To do: Which of the lines below include the word "IFCRELASSOCIATESMATERIAL"? Pull each one out.

Dataset entries:
☆ ☆ ☆

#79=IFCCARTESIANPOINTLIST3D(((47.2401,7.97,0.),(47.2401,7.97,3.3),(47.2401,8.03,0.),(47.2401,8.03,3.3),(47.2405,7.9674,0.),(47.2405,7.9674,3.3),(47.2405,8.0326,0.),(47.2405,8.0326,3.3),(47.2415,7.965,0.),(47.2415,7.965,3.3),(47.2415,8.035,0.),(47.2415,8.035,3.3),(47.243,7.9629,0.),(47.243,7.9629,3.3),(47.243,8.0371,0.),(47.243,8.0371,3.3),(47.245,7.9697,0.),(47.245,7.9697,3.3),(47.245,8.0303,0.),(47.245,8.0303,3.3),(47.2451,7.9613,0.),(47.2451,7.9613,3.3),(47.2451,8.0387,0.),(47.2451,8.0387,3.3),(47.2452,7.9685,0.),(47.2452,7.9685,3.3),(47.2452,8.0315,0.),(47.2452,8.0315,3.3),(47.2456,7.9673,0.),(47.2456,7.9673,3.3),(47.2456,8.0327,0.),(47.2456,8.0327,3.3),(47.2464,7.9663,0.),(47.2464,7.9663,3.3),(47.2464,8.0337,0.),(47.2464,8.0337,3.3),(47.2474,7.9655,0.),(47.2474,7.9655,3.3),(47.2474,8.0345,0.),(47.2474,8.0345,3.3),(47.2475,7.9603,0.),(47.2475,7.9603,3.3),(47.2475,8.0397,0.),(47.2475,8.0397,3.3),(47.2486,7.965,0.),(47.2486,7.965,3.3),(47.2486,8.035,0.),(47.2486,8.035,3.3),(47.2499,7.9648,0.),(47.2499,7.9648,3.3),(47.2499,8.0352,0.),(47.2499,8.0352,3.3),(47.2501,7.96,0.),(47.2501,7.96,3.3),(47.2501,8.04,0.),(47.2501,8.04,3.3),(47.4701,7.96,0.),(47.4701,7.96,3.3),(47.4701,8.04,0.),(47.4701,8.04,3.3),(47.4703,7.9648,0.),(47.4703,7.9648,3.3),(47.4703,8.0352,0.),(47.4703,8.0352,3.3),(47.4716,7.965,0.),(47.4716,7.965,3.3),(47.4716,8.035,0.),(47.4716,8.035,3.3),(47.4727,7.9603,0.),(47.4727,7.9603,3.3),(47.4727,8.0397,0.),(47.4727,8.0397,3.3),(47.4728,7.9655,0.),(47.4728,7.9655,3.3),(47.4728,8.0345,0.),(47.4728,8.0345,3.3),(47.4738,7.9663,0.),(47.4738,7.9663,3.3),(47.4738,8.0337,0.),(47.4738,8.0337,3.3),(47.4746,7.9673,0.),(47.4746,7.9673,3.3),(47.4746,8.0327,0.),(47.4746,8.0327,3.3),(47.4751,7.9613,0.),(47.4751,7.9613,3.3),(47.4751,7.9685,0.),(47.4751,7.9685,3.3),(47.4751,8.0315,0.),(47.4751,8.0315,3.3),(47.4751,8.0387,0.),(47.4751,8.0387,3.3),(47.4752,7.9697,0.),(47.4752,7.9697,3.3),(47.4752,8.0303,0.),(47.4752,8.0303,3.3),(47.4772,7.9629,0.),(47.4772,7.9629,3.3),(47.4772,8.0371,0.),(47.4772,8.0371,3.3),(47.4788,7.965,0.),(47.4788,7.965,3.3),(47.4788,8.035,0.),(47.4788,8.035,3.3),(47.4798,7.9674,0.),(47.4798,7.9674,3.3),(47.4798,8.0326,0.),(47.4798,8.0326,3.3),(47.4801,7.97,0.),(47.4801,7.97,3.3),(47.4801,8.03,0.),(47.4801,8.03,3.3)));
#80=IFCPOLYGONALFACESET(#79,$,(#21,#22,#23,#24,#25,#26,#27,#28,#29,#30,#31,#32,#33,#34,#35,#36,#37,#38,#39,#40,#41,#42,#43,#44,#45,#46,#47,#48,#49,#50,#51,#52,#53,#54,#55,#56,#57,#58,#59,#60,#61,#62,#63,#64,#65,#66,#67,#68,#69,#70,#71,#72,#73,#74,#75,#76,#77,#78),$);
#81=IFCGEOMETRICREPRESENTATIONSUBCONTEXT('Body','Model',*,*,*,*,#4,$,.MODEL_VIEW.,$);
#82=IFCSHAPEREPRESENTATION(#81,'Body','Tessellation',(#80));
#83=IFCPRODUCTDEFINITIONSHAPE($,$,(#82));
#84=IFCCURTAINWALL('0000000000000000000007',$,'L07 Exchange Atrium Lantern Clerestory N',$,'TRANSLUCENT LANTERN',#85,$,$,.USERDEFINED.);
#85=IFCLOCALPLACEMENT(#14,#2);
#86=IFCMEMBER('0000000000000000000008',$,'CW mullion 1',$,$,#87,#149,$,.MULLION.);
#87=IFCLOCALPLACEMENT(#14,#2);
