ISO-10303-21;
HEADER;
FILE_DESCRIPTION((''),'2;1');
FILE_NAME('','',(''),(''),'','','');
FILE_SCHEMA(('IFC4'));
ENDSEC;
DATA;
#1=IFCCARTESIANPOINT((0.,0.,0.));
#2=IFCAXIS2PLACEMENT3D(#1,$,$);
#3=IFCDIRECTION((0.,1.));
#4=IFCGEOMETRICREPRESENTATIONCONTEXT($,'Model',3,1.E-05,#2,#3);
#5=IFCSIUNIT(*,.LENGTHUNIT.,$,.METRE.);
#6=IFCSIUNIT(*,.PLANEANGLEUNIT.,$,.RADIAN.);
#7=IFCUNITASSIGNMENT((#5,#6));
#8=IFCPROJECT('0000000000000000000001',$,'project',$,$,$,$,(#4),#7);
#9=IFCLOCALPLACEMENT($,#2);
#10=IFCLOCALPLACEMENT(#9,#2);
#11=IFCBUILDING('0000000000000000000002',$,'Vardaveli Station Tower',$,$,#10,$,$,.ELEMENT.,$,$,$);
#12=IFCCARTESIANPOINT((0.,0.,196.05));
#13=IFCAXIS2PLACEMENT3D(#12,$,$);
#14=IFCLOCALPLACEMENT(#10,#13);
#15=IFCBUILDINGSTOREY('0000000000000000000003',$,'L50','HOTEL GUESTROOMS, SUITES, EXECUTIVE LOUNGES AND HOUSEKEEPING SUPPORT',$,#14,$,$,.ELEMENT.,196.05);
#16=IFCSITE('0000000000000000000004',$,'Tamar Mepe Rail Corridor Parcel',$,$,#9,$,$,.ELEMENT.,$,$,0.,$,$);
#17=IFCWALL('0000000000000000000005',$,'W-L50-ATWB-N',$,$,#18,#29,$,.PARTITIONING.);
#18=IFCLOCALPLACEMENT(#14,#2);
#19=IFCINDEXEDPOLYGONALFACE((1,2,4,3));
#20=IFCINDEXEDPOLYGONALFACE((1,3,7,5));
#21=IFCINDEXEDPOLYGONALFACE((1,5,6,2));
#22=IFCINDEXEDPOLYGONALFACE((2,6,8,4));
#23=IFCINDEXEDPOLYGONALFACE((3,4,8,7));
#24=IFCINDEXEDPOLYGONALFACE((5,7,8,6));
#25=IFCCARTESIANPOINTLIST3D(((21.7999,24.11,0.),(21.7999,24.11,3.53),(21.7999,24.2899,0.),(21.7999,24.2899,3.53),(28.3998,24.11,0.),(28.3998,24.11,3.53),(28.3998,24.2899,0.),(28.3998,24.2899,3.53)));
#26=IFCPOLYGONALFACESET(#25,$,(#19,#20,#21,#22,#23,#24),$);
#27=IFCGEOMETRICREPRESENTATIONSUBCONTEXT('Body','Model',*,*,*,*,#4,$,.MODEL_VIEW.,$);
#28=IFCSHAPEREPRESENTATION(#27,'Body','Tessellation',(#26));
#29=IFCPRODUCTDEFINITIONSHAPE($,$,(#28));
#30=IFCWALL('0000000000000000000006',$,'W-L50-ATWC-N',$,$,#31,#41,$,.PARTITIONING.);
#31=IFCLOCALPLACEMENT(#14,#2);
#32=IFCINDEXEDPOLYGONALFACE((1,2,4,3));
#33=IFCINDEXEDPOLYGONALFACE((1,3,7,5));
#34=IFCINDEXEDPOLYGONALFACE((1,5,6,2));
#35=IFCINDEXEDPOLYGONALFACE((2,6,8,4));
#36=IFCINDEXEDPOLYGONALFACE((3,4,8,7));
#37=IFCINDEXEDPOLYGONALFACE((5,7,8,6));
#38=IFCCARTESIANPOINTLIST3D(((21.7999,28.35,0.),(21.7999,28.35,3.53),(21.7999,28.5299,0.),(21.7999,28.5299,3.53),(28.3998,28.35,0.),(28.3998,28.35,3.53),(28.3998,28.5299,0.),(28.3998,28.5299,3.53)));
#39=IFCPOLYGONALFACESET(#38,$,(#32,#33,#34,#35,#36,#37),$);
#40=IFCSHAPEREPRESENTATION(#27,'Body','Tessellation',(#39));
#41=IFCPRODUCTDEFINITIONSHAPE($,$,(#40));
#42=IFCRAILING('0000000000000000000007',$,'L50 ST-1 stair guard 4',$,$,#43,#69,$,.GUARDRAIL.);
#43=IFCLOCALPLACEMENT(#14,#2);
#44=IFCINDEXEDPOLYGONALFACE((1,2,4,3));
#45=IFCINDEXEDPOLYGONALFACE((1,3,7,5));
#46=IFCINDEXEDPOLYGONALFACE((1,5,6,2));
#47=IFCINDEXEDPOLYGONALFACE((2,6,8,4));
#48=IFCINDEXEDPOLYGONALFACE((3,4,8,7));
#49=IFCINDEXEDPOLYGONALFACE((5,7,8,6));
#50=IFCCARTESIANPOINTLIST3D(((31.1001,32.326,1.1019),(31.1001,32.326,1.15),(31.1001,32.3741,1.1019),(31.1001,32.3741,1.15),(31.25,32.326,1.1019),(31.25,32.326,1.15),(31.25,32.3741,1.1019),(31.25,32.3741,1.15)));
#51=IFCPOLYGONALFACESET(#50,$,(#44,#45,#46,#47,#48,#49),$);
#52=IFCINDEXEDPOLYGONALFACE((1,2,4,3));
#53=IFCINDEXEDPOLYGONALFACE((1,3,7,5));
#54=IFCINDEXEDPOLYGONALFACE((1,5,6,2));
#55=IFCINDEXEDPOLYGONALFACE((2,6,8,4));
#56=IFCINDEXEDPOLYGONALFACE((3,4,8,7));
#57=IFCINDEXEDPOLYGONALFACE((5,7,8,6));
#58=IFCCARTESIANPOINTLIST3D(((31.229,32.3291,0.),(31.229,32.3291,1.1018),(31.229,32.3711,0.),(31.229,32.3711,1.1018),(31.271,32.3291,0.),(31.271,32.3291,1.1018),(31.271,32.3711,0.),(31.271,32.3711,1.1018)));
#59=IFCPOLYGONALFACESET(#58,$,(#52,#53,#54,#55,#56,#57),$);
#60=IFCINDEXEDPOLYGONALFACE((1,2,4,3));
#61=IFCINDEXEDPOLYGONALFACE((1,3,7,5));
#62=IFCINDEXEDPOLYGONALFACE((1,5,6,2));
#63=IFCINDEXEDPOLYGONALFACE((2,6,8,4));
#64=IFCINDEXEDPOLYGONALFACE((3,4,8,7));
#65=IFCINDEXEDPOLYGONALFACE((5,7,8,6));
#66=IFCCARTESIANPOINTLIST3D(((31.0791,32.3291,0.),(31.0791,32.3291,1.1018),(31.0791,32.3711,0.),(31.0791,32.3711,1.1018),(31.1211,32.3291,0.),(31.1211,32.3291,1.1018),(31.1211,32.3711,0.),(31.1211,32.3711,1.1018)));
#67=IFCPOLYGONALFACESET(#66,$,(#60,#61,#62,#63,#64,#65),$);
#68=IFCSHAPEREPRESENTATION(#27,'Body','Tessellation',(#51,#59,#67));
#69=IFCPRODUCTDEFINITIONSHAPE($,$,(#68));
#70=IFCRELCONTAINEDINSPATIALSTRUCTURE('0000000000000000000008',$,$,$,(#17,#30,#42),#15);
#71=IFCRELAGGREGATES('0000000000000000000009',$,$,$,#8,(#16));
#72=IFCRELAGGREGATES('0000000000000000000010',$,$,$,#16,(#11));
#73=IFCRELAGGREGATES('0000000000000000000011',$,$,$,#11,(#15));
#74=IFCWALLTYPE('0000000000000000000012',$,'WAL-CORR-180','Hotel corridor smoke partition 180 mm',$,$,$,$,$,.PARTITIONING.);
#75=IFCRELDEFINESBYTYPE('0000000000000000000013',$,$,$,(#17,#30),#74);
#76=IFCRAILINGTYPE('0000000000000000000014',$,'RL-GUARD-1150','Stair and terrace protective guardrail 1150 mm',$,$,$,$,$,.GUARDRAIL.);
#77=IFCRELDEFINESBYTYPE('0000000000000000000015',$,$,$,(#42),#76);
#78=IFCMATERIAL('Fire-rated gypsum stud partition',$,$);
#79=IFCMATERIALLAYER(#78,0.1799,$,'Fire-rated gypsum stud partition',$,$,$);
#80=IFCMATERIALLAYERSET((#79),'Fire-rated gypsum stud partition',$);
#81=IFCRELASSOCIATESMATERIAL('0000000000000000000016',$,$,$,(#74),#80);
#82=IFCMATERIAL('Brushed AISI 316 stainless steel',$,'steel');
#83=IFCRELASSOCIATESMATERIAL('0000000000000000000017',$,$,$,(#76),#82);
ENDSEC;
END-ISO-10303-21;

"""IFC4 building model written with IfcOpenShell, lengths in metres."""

from ifc_helpers import new_model, si_unit, direction, frame, frame_2d, origin, origin_2d, place, context, subcontext, project, spatial, rectangle, extrude, source, transform, mapped, material, layer, layer_set, type_object, element, save


model = new_model("IFC4")

# Units and contexts
model_context = context("Model", 3, precision=1e-05, world=origin(), true_north=direction((0.0, 1.0)))
body_context = subcontext(model_context, "Body", "Model", "MODEL_VIEW")
ifc_project = project(units=[si_unit("LENGTHUNIT", "METRE"), si_unit("PLANEANGLEUNIT", "RADIAN")], contexts=[model_context])

# Site, building, storey
site_placement = place(None, origin())
site = spatial("IfcSite", under=ifc_project, at=site_placement, Name="Tamar Mepe Rail Corridor Parcel", CompositionType="ELEMENT", RefElevation=0.0)
building_placement = place(site_placement, origin())
building = spatial("IfcBuilding", under=site, at=building_placement, Name="Vardaveli Station Tower", CompositionType="ELEMENT")
storey_placement = place(building_placement, frame((0.0, 0.0, 196.05)))
storey = spatial("IfcBuildingStorey", under=building, at=storey_placement, Name="L50", Description="HOTEL GUESTROOMS, SUITES, EXECUTIVE LOUNGES AND HOUSEKEEPING SUPPORT", CompositionType="ELEMENT", Elevation=196.05)

# Shared definitions
ifc_material_1 = material(Name="Fire-rated gypsum stud partition")
ifc_layer_1 = layer(ifc_material_1, 0.1799, Name="Fire-rated gypsum stud partition")
ifc_layer_set_1 = layer_set([ifc_layer_1], Name="Fire-rated gypsum stud partition")
wall_type_1 = type_object("IfcWallType", Name="WAL-CORR-180", Description="Hotel corridor smoke partition 180 mm", PredefinedType="PARTITIONING", material=ifc_layer_set_1)

# Walls
shared_shape_1 = source(origin(), body_context, "Body", "SweptSolid", [
    extrude(rectangle(XDim=6.5999, YDim=0.1799, at=frame_2d((3.2998, 0.0))), origin(), (0.0, 0.0, 1.0), 3.53),
])
for number, where, z_axis, x_axis, name in (
    (1, (21.8, 24.2, 0.0), (0.0, 0.0, 1.0), (1.0, 0.0, 0.0), "W-L50-ATWB-N"),
    (2, (21.8, 28.4399, 0.0), (0.0, 0.0, 1.0), (1.0, 0.0, 0.0), "W-L50-ATWC-N"),
):
    element("IfcWall", number, at=place(storey_placement, frame(where, z_axis=z_axis, x_axis=x_axis)), inside=storey, type_object=wall_type_1, Name=name, PredefinedType="PARTITIONING", context=body_context, shape_type="MappedRepresentation", body=[
        mapped(shared_shape_1, transform((0.0, 0.0, 0.0), scale=1.0)),
    ])

# Railing
ifc_material_2 = material(Name="Brushed AISI 316 stainless steel", Category="steel")
railing_type = type_object("IfcRailingType", Name="RL-GUARD-1150", Description="Stair and terrace protective guardrail 1150 mm", PredefinedType="GUARDRAIL", material=ifc_material_2)
shared_shape_2 = source(origin(), body_context, "Body", "SweptSolid", [
    extrude(rectangle(XDim=0.0481, YDim=0.0481, at=origin_2d()), frame((0.0, 0.0, 1.126), z_axis=(-1.0, 0.0, 0.0), x_axis=(0.0, -1.0, 0.0)), (0.0, 0.0, 1.0), 0.1499),
    extrude(rectangle(XDim=0.042, YDim=0.042, at=origin_2d()), origin(), (0.0, 0.0, 1.0), 1.1018),
    extrude(rectangle(XDim=0.042, YDim=0.042, at=origin_2d()), frame((-0.1499, 0.0, 0.0)), (0.0, 0.0, 1.0), 1.1018),
])
railing_placement = place(storey_placement, frame((31.25, 32.3501, 0.0)))
element("IfcRailing", 3, at=railing_placement, inside=storey, type_object=railing_type, Name="L50 ST-1 stair guard 4", PredefinedType="GUARDRAIL", context=body_context, shape_type="MappedRepresentation", body=[
    mapped(shared_shape_2, transform((0.0, 0.0, 0.0), scale=1.0)),
])

save(model, "model.ifc")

☆ ☆ ☆

Output for this task:
#81=IFCRELASSOCIATESMATERIAL('0000000000000000000016',$,$,$,(#74),#80);
#83=IFCRELASSOCIATESMATERIAL('0000000000000000000017',$,$,$,(#76),#82);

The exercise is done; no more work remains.